Your instructions: Start at the line in the entries below that contains "#98=IFCRELAGGREGATES('0000000000000000000007',$,$,$,#8,(#16));", stop at the line that contains "END-ISO-10303-21;", and output exactly the lines in that span, both ends included.

Data excerpts

━━━━

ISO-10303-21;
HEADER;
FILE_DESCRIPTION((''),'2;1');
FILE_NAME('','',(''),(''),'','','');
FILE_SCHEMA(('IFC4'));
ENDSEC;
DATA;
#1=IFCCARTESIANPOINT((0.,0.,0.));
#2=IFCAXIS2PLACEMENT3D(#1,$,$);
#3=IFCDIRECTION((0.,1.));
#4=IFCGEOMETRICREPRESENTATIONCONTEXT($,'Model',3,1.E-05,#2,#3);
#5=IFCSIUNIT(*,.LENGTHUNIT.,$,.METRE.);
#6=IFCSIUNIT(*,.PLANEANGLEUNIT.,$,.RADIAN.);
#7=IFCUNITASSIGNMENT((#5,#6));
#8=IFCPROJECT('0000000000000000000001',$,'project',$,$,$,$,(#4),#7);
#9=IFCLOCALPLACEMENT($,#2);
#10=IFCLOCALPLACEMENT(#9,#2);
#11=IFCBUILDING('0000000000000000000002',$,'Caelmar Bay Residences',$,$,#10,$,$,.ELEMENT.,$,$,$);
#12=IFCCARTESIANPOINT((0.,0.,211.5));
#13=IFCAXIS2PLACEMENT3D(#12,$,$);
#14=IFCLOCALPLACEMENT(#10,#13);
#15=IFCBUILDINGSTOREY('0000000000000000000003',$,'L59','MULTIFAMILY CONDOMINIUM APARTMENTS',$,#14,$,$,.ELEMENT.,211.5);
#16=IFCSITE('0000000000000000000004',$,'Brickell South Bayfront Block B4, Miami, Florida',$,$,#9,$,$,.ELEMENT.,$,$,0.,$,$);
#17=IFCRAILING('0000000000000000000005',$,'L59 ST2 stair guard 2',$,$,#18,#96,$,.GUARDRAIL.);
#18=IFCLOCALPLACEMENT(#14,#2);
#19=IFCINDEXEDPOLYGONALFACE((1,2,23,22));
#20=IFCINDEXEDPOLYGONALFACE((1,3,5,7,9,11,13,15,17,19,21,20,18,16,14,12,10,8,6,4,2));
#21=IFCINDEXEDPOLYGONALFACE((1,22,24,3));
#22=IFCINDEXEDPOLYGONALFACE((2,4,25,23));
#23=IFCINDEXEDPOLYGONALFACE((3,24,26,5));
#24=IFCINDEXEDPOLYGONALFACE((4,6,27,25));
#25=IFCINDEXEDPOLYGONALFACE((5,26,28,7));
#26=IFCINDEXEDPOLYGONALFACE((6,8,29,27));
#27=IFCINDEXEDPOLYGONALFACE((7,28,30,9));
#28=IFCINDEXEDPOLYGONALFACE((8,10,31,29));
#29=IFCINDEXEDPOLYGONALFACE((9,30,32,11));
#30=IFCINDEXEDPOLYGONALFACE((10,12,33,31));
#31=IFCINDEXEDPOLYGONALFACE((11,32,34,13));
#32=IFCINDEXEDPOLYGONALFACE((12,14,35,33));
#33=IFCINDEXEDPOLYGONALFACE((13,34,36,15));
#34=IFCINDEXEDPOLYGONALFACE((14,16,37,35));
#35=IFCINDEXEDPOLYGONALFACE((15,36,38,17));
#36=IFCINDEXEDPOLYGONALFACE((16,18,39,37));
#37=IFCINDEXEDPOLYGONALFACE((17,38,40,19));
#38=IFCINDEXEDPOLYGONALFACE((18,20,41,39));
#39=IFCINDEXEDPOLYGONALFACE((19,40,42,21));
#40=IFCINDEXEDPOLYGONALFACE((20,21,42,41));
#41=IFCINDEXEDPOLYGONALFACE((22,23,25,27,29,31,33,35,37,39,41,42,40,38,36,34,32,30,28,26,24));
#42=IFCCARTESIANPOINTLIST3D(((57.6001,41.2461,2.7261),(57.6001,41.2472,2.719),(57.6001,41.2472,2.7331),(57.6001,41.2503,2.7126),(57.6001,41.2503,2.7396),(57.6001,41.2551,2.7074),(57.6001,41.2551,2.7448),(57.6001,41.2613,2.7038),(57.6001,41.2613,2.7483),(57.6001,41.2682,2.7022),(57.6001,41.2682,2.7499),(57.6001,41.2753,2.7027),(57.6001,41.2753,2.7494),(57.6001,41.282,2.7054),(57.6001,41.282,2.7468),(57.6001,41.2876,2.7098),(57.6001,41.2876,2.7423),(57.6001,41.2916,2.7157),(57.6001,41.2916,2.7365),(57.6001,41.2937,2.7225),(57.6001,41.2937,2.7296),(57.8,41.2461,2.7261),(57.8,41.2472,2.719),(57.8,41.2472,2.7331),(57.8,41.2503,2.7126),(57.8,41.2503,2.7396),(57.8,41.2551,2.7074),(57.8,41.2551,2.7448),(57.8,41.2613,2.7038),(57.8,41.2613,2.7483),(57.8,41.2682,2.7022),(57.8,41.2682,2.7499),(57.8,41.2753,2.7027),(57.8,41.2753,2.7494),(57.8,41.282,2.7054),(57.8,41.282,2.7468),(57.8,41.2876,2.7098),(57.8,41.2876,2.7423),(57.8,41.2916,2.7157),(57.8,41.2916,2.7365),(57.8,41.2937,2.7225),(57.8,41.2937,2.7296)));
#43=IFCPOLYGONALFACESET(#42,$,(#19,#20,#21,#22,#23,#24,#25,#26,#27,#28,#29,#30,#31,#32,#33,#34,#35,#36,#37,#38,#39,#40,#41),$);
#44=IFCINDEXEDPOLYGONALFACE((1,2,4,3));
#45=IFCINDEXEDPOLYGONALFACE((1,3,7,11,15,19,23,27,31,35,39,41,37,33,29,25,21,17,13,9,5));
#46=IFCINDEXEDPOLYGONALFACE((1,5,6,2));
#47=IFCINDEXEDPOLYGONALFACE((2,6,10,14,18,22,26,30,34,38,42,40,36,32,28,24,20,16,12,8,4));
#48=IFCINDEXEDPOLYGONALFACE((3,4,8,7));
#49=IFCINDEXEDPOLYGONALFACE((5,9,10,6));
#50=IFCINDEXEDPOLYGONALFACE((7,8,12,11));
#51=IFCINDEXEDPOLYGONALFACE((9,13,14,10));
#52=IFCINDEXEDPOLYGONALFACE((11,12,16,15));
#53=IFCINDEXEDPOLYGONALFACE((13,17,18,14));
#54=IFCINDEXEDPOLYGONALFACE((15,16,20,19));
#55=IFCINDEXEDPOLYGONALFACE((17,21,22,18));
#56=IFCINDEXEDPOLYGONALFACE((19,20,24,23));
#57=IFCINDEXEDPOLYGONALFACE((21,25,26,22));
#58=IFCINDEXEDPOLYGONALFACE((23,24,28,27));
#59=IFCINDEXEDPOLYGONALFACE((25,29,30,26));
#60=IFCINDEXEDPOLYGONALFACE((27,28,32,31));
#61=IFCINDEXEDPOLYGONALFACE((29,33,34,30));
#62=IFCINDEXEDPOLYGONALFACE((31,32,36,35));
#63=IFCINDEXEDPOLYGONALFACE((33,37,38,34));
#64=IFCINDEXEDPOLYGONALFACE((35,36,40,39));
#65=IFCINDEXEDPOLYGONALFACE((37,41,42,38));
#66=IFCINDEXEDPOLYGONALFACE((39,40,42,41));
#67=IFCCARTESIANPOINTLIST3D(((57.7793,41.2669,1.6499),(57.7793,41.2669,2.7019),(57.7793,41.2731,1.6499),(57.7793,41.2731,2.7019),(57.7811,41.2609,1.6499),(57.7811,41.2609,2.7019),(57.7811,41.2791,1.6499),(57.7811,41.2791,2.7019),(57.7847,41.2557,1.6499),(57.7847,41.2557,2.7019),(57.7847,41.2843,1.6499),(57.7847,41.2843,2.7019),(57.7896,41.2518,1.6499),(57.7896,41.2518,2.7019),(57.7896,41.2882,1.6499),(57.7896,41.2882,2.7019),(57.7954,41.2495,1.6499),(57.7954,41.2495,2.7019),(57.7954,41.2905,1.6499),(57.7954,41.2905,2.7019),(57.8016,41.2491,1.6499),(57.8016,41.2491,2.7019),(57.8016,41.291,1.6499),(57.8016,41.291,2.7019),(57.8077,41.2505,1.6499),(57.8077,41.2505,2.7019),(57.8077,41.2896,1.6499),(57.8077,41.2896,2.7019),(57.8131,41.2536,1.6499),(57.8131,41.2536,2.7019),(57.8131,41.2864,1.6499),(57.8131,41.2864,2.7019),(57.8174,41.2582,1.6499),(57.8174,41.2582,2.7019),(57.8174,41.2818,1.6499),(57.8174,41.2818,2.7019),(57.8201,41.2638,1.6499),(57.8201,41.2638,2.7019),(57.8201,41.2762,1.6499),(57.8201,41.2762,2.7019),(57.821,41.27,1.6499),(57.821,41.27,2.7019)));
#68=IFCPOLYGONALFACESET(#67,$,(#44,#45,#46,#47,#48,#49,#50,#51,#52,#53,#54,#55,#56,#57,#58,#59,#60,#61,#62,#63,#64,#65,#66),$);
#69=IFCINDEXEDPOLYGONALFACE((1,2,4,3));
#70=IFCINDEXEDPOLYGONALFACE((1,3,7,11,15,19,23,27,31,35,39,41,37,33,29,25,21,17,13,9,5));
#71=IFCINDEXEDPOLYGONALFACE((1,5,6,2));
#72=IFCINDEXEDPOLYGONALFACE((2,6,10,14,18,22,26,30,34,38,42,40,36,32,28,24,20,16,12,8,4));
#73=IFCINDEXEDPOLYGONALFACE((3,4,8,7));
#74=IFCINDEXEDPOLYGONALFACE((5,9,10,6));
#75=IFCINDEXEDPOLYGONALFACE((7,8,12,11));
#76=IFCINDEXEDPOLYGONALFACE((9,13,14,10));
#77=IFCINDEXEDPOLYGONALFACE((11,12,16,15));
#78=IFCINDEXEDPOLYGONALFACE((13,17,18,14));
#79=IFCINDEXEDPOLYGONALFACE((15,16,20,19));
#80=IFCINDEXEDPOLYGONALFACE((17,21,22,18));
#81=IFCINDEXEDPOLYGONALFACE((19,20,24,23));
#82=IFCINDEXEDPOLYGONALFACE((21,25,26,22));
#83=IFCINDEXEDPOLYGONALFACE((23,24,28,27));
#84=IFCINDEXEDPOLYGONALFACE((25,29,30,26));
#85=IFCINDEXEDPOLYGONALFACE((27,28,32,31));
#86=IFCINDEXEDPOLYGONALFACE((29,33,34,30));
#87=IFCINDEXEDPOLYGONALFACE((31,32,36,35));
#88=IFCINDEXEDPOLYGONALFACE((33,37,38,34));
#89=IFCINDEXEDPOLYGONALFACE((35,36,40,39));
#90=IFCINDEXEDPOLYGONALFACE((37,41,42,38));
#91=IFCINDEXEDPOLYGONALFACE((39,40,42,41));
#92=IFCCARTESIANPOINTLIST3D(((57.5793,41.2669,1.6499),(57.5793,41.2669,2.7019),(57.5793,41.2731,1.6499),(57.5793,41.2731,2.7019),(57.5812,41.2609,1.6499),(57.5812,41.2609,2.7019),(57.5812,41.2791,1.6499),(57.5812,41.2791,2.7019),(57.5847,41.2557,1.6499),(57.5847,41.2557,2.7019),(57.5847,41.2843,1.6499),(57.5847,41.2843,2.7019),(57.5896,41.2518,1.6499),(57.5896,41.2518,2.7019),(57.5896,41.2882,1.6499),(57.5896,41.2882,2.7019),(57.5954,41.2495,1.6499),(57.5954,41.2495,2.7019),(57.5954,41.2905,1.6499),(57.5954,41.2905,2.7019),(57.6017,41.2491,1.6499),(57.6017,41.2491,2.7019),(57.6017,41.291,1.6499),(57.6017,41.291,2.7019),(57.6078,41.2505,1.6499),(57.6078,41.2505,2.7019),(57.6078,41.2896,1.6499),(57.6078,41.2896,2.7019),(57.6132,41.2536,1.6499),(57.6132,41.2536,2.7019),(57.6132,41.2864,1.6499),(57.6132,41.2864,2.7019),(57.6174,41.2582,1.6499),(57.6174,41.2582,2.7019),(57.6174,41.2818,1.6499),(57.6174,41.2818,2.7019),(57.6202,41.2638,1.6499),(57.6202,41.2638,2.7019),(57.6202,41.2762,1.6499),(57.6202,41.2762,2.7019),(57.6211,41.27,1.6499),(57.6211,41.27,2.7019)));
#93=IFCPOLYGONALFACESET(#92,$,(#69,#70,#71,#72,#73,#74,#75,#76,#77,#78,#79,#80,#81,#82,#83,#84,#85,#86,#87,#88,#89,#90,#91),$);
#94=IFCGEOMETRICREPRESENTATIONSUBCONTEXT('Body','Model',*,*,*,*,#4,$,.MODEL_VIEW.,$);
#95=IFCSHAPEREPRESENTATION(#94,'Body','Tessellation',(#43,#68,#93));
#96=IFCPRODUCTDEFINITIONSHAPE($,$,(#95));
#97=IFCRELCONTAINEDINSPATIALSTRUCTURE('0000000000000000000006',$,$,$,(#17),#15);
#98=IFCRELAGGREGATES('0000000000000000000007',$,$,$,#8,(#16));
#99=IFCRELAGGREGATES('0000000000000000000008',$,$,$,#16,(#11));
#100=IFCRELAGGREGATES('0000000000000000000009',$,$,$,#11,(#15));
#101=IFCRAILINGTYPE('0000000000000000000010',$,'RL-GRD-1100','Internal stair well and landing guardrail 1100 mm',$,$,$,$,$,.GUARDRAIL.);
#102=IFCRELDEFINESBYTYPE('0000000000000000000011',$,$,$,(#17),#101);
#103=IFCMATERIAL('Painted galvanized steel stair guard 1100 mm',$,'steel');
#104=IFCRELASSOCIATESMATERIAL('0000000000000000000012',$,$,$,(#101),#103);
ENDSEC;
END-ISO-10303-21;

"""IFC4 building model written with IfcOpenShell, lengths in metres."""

from ifc_helpers import new_model, si_unit, direction, frame, origin, origin_2d, place, context, subcontext, project, spatial, circle, extrude, material, type_object, element, save


model = new_model("IFC4")

# Units and contexts
model_context = context("Model", 3, precision=1e-05, world=origin(), true_north=direction((0.0, 1.0)))
body_context = subcontext(model_context, "Body", "Model", "MODEL_VIEW")
ifc_project = project(units=[si_unit("LENGTHUNIT", "METRE"), si_unit("PLANEANGLEUNIT", "RADIAN")], contexts=[model_context])

# Site, building, storey
site_placement = place(None, origin())
site = spatial("IfcSite", under=ifc_project, at=site_placement, Name="Brickell South Bayfront Block B4, Miami, Florida", CompositionType="ELEMENT", RefElevation=0.0)
building_placement = place(site_placement, origin())
building = spatial("IfcBuilding", under=site, at=building_placement, Name="Caelmar Bay Residences", CompositionType="ELEMENT")
storey_placement = place(building_placement, frame((0.0, 0.0, 211.5)))
storey = spatial("IfcBuildingStorey", under=building, at=storey_placement, Name="L59", Description="MULTIFAMILY CONDOMINIUM APARTMENTS", CompositionType="ELEMENT", Elevation=211.5)

# Railing
ifc_material_1 = material(Name="Painted galvanized steel stair guard 1100 mm", Category="steel")
railing_type_1 = type_object("IfcRailingType", Name="RL-GRD-1100", Description="Internal stair well and landing guardrail 1100 mm", PredefinedType="GUARDRAIL", material=ifc_material_1)
railing_1_placement = place(storey_placement, frame((57.8, 41.27, 1.6499)))
element("IfcRailing", 1, at=railing_1_placement, inside=storey, type_object=railing_type_1, Name="L59 ST2 stair guard 2", PredefinedType="GUARDRAIL", context=body_context, shape_type="SweptSolid", body=[
    extrude(circle(Radius=0.0239, at=origin_2d()), frame((0.0, 0.0, 1.0762), z_axis=(-1.0, 0.0, 0.0), x_axis=(0.0, -1.0, 0.0)), (0.0, 0.0, 1.0), 0.2),
    extrude(circle(Radius=0.021, at=origin_2d()), origin(), (0.0, 0.0, 1.0), 1.052),
    extrude(circle(Radius=0.021, at=origin_2d()), frame((-0.2, 0.0, 0.0)), (0.0, 0.0, 1.0), 1.052),
])

save(model, "model.ifc")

━━━━

Solution below:
#98=IFCRELAGGREGATES('0000000000000000000007',$,$,$,#8,(#16));
#99=IFCRELAGGREGATES('0000000000000000000008',$,$,$,#16,(#11));
#100=IFCRELAGGREGATES('0000000000000000000009',$,$,$,#11,(#15));
#101=IFCRAILINGTYPE('0000000000000000000010',$,'RL-GRD-1100','Internal stair well and landing guardrail 1100 mm',$,$,$,$,$,.GUARDRAIL.);
#102=IFCRELDEFINESBYTYPE('0000000000000000000011',$,$,$,(#17),#101);
#103=IFCMATERIAL('Painted galvanized steel stair guard 1100 mm',$,'steel');
#104=IFCRELASSOCIATESMATERIAL('0000000000000000000012',$,$,$,(#101),#103);
ENDSEC;
END-ISO-10303-21;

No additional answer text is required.